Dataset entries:
■ ■ ■

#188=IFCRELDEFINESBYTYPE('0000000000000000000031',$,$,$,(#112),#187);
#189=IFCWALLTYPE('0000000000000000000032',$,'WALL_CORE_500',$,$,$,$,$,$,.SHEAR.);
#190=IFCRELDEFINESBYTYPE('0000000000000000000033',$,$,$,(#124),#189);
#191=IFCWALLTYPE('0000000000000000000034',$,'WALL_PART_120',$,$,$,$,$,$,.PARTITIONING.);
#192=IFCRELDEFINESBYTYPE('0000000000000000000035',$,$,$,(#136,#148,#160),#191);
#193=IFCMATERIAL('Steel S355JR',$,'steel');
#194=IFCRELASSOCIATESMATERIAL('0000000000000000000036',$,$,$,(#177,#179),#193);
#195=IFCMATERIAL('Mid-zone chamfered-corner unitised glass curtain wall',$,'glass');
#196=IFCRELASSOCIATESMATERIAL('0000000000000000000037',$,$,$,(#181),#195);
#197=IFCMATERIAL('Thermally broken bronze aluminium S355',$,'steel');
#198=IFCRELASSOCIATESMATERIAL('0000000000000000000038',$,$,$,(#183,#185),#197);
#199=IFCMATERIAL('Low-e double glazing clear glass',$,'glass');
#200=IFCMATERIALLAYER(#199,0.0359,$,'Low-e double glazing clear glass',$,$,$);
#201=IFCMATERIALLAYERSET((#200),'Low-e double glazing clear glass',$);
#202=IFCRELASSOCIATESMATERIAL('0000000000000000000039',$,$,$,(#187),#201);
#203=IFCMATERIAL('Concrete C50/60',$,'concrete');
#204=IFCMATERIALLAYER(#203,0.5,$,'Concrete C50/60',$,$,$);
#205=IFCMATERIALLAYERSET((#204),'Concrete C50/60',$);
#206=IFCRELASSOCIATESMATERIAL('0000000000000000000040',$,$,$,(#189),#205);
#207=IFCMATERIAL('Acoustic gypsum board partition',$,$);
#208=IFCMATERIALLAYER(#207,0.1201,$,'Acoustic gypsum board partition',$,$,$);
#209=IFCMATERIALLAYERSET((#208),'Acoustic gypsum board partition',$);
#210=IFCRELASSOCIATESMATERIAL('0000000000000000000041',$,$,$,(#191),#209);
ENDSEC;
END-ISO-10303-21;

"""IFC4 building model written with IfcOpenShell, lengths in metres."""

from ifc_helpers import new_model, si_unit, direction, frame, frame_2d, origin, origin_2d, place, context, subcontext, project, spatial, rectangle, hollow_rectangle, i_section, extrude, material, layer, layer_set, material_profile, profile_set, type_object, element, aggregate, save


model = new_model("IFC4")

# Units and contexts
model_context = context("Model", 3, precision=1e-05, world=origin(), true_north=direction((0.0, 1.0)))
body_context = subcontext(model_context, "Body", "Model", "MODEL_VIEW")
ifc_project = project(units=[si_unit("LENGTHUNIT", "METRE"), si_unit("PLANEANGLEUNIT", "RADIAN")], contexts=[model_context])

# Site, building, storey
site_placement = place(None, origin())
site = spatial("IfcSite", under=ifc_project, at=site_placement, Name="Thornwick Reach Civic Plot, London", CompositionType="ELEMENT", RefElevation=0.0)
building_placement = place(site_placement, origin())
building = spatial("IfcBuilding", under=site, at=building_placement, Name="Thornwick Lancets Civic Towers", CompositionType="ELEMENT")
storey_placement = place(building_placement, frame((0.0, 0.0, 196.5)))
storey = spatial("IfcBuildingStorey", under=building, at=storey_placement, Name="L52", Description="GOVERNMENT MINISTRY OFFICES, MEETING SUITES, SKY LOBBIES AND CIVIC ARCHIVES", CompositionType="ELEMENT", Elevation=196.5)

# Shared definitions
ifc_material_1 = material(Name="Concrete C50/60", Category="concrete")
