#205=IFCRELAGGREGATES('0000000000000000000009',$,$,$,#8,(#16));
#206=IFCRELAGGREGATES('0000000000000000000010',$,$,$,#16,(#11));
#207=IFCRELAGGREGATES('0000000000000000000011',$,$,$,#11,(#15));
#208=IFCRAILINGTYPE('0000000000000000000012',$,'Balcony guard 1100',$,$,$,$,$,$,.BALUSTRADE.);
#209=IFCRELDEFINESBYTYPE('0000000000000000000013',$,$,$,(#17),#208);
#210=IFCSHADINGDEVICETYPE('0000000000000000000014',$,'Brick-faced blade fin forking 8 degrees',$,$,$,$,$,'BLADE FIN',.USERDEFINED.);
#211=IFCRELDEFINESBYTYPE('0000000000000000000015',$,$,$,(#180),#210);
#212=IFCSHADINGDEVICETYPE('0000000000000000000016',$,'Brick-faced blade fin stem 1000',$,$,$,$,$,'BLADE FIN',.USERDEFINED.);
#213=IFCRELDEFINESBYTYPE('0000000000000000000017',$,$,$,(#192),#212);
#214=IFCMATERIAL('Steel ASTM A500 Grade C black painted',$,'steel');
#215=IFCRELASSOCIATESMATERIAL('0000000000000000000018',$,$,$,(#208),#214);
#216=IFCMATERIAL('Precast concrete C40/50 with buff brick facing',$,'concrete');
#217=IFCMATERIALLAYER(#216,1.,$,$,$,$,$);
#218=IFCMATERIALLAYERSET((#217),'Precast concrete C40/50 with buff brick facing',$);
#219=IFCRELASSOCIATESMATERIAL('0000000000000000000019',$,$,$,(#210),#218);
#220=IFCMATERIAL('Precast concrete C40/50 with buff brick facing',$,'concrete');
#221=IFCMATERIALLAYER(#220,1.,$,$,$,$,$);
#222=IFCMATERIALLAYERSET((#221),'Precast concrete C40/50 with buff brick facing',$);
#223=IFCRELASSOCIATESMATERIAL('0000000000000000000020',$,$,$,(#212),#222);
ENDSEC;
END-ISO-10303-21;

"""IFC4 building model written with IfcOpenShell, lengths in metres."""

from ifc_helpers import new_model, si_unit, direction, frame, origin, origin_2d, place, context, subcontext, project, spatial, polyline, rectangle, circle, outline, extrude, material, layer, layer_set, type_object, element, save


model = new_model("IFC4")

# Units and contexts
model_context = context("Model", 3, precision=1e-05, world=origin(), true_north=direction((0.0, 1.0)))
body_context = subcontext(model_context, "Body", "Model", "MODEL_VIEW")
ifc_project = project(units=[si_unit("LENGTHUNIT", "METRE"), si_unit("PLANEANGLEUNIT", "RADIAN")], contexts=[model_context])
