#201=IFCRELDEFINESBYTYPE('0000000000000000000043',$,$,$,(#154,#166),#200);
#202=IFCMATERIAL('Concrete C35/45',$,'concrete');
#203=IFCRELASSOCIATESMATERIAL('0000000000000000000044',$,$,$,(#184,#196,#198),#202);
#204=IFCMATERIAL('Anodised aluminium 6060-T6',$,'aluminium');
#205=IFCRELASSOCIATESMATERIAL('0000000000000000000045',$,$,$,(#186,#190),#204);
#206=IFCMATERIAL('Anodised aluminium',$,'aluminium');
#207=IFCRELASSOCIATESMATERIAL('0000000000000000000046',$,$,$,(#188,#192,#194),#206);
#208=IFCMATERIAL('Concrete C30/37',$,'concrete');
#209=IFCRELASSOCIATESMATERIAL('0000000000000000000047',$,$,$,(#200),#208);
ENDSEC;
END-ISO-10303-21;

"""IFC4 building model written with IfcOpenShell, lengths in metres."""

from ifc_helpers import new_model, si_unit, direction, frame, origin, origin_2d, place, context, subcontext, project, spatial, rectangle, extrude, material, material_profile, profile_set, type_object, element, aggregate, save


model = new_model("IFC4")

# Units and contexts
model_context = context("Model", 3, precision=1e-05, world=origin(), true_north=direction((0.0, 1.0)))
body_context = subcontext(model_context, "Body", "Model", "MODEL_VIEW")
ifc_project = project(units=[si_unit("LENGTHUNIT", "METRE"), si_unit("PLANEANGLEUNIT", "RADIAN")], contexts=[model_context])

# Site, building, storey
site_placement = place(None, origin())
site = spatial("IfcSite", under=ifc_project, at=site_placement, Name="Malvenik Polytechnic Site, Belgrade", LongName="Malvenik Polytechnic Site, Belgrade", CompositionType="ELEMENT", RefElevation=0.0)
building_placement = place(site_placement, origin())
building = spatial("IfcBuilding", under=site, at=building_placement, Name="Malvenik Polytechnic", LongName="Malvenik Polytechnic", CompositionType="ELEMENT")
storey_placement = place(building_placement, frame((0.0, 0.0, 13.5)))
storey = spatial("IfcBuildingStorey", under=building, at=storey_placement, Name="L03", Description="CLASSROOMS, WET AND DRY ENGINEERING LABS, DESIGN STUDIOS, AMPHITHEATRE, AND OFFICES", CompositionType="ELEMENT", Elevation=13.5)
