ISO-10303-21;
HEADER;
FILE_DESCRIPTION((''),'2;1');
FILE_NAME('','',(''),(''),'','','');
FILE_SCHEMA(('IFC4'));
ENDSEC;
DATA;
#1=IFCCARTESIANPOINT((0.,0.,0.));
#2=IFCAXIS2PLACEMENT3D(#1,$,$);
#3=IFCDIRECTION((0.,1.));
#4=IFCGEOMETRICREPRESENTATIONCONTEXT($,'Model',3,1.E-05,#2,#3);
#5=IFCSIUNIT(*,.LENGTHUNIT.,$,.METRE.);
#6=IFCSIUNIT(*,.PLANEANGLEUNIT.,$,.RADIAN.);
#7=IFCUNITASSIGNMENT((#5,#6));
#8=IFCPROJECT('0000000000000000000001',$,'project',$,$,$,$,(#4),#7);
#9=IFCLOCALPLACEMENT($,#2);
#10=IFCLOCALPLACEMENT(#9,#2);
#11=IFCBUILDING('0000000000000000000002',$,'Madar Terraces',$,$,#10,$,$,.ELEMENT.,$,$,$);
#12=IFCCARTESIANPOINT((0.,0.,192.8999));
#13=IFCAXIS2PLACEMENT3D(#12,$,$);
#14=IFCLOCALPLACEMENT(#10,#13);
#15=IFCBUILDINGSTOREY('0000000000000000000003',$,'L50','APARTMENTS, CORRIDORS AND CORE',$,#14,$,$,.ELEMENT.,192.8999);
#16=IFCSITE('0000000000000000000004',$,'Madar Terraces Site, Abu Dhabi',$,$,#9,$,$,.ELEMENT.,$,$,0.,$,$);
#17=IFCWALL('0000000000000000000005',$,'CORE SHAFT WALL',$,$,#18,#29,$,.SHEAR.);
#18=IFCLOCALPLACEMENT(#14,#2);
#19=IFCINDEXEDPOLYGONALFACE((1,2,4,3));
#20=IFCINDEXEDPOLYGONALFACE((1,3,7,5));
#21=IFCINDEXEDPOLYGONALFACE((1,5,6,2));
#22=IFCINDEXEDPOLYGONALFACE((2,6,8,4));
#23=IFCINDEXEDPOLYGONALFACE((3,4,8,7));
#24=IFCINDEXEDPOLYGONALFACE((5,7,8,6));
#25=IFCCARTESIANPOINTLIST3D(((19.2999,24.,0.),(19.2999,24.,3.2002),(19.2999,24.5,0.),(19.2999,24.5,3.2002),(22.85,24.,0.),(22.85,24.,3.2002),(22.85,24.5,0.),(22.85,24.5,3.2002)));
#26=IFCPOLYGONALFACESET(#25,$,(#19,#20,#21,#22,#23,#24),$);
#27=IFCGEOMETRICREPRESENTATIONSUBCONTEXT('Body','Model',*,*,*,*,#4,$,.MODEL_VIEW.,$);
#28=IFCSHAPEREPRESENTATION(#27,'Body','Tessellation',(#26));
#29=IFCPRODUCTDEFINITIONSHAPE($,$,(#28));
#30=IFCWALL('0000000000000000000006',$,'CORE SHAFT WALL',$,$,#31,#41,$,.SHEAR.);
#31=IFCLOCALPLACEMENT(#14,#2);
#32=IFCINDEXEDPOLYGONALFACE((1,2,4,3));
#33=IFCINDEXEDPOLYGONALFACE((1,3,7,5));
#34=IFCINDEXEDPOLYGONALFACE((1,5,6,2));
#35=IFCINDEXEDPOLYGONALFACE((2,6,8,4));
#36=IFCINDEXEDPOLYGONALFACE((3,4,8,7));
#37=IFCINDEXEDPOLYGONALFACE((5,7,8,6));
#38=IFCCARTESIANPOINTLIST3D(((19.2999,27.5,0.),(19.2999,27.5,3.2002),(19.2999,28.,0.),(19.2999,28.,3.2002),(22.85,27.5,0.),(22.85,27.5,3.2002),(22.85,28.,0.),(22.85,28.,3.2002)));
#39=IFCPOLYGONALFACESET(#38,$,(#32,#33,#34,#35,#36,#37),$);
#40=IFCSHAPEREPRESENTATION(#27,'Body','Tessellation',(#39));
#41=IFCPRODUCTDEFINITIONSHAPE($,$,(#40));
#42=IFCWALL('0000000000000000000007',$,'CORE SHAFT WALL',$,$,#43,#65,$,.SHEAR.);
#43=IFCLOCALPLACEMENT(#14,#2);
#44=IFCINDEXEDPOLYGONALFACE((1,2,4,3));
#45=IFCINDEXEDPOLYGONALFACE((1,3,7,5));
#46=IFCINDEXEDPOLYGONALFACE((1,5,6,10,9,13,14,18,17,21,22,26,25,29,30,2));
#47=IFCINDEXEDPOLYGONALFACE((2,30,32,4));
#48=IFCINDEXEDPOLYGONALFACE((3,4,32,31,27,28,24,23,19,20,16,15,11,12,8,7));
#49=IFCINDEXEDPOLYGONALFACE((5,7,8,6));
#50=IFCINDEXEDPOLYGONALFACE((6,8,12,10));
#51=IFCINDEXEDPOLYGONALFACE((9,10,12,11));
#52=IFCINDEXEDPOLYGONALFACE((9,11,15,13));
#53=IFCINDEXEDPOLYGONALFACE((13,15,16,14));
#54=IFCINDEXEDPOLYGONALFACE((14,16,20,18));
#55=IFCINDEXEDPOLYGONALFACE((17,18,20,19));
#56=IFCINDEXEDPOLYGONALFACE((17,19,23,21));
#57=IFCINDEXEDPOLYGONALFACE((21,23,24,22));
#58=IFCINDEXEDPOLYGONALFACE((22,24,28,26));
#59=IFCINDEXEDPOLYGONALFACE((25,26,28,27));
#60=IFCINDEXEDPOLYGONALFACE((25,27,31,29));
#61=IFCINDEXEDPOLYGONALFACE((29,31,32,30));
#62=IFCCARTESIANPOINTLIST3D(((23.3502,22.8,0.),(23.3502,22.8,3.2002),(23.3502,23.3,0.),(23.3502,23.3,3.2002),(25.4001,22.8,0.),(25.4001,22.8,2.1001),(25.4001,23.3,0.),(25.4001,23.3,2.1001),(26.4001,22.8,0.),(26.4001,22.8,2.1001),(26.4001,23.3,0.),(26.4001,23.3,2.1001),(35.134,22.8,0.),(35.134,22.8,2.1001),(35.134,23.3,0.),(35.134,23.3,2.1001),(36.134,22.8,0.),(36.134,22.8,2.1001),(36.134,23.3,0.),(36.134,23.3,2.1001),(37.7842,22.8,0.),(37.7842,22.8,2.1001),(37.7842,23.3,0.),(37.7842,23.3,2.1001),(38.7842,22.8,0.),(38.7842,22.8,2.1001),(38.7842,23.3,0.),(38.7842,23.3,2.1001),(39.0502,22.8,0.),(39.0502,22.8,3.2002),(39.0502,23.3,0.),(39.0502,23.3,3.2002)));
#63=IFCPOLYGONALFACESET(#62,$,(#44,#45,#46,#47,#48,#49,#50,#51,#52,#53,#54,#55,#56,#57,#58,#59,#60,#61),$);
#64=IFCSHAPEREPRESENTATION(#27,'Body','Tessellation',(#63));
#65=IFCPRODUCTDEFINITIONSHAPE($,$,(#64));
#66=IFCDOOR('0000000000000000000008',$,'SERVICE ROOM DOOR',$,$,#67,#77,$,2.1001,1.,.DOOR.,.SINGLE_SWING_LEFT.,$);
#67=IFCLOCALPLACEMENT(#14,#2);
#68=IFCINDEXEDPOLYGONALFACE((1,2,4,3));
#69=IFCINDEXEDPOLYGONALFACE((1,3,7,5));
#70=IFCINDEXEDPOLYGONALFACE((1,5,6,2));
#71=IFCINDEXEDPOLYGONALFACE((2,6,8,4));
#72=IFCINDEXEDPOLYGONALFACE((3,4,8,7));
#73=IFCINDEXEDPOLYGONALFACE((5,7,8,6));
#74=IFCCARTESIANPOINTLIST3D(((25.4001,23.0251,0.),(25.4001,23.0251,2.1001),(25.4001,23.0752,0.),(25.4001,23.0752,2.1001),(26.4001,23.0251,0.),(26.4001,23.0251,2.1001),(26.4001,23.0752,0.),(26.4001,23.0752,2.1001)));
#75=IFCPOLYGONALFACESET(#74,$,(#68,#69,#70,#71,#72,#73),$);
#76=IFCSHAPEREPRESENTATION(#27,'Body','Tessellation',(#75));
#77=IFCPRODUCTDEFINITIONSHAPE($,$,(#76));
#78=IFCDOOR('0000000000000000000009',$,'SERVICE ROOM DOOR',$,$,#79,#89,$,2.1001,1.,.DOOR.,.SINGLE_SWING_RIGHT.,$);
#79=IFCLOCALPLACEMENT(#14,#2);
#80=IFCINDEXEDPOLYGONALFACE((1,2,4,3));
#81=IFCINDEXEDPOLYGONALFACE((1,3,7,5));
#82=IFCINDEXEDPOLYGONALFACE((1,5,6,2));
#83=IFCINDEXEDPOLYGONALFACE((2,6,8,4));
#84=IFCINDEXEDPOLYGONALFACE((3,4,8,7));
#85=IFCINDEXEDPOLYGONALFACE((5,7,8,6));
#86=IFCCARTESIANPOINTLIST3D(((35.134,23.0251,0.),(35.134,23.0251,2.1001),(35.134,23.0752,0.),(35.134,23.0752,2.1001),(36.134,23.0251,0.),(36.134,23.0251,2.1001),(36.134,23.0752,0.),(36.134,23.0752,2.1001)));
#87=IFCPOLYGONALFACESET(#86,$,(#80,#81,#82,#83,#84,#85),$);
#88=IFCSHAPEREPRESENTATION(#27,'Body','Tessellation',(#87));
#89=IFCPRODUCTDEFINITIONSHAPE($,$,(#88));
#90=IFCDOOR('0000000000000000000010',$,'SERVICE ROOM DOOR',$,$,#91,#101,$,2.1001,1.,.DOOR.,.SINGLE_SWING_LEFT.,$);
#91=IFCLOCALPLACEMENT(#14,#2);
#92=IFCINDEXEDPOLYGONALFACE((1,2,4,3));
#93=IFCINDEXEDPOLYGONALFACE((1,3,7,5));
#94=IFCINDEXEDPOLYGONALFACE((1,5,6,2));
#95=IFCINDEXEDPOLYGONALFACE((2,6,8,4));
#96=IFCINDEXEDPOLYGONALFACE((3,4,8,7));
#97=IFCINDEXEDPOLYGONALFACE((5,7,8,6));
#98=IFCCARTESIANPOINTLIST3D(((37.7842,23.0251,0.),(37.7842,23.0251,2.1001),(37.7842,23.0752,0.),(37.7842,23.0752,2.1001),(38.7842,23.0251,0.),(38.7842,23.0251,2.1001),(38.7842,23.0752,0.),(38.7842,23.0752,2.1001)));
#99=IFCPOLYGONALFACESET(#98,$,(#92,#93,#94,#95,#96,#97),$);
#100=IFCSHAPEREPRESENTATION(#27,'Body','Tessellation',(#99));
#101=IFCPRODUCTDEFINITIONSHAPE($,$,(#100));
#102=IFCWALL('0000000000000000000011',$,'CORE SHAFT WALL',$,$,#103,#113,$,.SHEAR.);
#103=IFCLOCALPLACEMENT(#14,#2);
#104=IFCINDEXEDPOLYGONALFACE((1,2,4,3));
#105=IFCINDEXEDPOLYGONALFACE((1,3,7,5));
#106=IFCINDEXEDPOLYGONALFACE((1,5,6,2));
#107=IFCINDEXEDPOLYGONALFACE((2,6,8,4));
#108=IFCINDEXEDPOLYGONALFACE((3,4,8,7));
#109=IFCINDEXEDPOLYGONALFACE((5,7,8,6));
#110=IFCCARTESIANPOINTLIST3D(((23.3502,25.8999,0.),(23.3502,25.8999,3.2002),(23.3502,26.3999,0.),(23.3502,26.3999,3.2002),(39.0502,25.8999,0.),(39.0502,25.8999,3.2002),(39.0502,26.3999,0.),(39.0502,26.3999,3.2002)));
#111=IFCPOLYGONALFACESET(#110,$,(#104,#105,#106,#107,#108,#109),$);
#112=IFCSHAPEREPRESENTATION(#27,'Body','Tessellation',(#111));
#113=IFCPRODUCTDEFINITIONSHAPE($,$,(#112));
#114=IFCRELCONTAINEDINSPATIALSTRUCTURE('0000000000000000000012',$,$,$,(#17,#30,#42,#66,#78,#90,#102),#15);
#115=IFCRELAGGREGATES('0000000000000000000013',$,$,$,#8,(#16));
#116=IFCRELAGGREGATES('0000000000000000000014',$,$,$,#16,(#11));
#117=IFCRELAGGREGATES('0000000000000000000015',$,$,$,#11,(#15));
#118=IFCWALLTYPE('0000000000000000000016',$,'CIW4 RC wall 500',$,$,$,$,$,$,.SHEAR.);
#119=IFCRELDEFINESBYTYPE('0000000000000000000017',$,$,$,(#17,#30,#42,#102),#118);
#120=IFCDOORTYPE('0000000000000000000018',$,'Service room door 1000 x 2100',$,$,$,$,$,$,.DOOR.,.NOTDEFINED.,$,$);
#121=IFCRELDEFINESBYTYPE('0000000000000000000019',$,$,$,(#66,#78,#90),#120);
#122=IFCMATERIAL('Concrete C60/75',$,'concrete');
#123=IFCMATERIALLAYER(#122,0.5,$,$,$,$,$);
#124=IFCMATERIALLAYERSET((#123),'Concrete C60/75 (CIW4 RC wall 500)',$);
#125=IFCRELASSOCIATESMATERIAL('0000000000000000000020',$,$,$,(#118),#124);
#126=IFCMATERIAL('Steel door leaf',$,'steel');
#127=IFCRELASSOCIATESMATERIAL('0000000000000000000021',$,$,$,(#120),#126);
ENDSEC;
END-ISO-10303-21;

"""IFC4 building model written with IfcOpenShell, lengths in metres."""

from ifc_helpers import new_model, si_unit, direction, frame, frame_2d, origin, place, context, subcontext, project, spatial, rectangle, extrude, material, layer, layer_set, type_object, element, fill, save


model = new_model("IFC4")

# Units and contexts
model_context = context("Model", 3, precision=1e-05, world=origin(), true_north=direction((0.0, 1.0)))
body_context = subcontext(model_context, "Body", "Model", "MODEL_VIEW")
ifc_project = project(units=[si_unit("LENGTHUNIT", "METRE"), si_unit("PLANEANGLEUNIT", "RADIAN")], contexts=[model_context])

# Site, building, storey
site_placement = place(None, origin())
site = spatial("IfcSite", under=ifc_project, at=site_placement, Name="Madar Terraces Site, Abu Dhabi", CompositionType="ELEMENT", RefElevation=0.0)
building_placement = place(site_placement, origin())
building = spatial("IfcBuilding", under=site, at=building_placement, Name="Madar Terraces", CompositionType="ELEMENT")
storey_placement = place(building_placement, frame((0.0, 0.0, 192.8999)))
storey = spatial("IfcBuildingStorey", under=building, at=storey_placement, Name="L50", Description="APARTMENTS, CORRIDORS AND CORE", CompositionType="ELEMENT", Elevation=192.8999)

# Walls
ifc_material_1 = material(Name="Concrete C60/75", Category="concrete")
ifc_layer_1 = layer(ifc_material_1, 0.5)
ifc_layer_set_1 = layer_set([ifc_layer_1], Name="Concrete C60/75 (CIW4 RC wall 500)")
wall_type_1 = type_object("IfcWallType", Name="CIW4 RC wall 500", PredefinedType="SHEAR", material=ifc_layer_set_1)
for number, where, z_axis, x_axis, name in (
    (1, (19.3, 24.25, 0.0), (0.0, 0.0, 1.0), (1.0, 0.0, 0.0), "CORE SHAFT WALL"),
    (2, (19.3, 27.75, 0.0), (0.0, 0.0, 1.0), (1.0, 0.0, 0.0), "CORE SHAFT WALL"),
):
    element("IfcWall", number, at=place(storey_placement, frame(where, z_axis=z_axis, x_axis=x_axis)), inside=storey, type_object=wall_type_1, Name=name, PredefinedType="SHEAR", context=body_context, shape_type="SweptSolid", body=[
        extrude(rectangle(XDim=3.55, YDim=0.5, at=frame_2d((1.7749, 0.0))), origin(), (0.0, 0.0, 1.0), 3.2002),
    ])

# Wall, openings, doors
wall_1_placement = place(storey_placement, frame((23.3501, 23.05, 0.0), z_axis=(0.0, 0.0, 1.0), x_axis=(1.0, 0.0, 0.0)))
wall_1 = element("IfcWall", 3, at=wall_1_placement, inside=storey, type_object=wall_type_1, Name="CORE SHAFT WALL", PredefinedType="SHEAR", context=body_context, shape_type="SweptSolid", body=[
    extrude(rectangle(XDim=15.7, YDim=0.5, at=frame_2d((7.8501, 0.0))), origin(), (0.0, 0.0, 1.0), 3.2002),
])
opening_1_placement = place(wall_1_placement, frame((2.05, 0.0, 0.0)))
opening_1 = element("IfcOpeningElement", 4, at=opening_1_placement, cuts=wall_1, PredefinedType="OPENING", context=body_context, shape_type="SweptSolid", body=[
    extrude(rectangle(XDim=1.0, YDim=2.1001, at=frame_2d((0.5, 1.05))), frame((0.0, 0.26, 0.0), z_axis=(0.0, -1.0, 0.0), x_axis=(1.0, 0.0, 0.0)), (0.0, 0.0, 1.0), 0.52),
])
opening_2_placement = place(wall_1_placement, frame((11.7839, 0.0, 0.0)))
opening_2 = element("IfcOpeningElement", 5, at=opening_2_placement, cuts=wall_1, PredefinedType="OPENING", context=body_context, shape_type="SweptSolid", body=[
    extrude(rectangle(XDim=1.0, YDim=2.1001, at=frame_2d((0.5, 1.05))), frame((0.0, 0.26, 0.0), z_axis=(0.0, -1.0, 0.0), x_axis=(1.0, 0.0, 0.0)), (0.0, 0.0, 1.0), 0.52),
])
opening_3_placement = place(wall_1_placement, frame((14.4341, 0.0, 0.0)))
opening_3 = element("IfcOpeningElement", 6, at=opening_3_placement, cuts=wall_1, PredefinedType="OPENING", context=body_context, shape_type="SweptSolid", body=[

■ ■ ■

Look through the entries. Copy out each line with "double" in it.

Written answer
#199=IFCMATERIAL('Low-e double glazing clear glass',$,'glass');
#200=IFCMATERIALLAYER(#199,0.0359,$,'Low-e double glazing clear glass',$,$,$);
#201=IFCMATERIALLAYERSET((#200),'Low-e double glazing clear glass',$);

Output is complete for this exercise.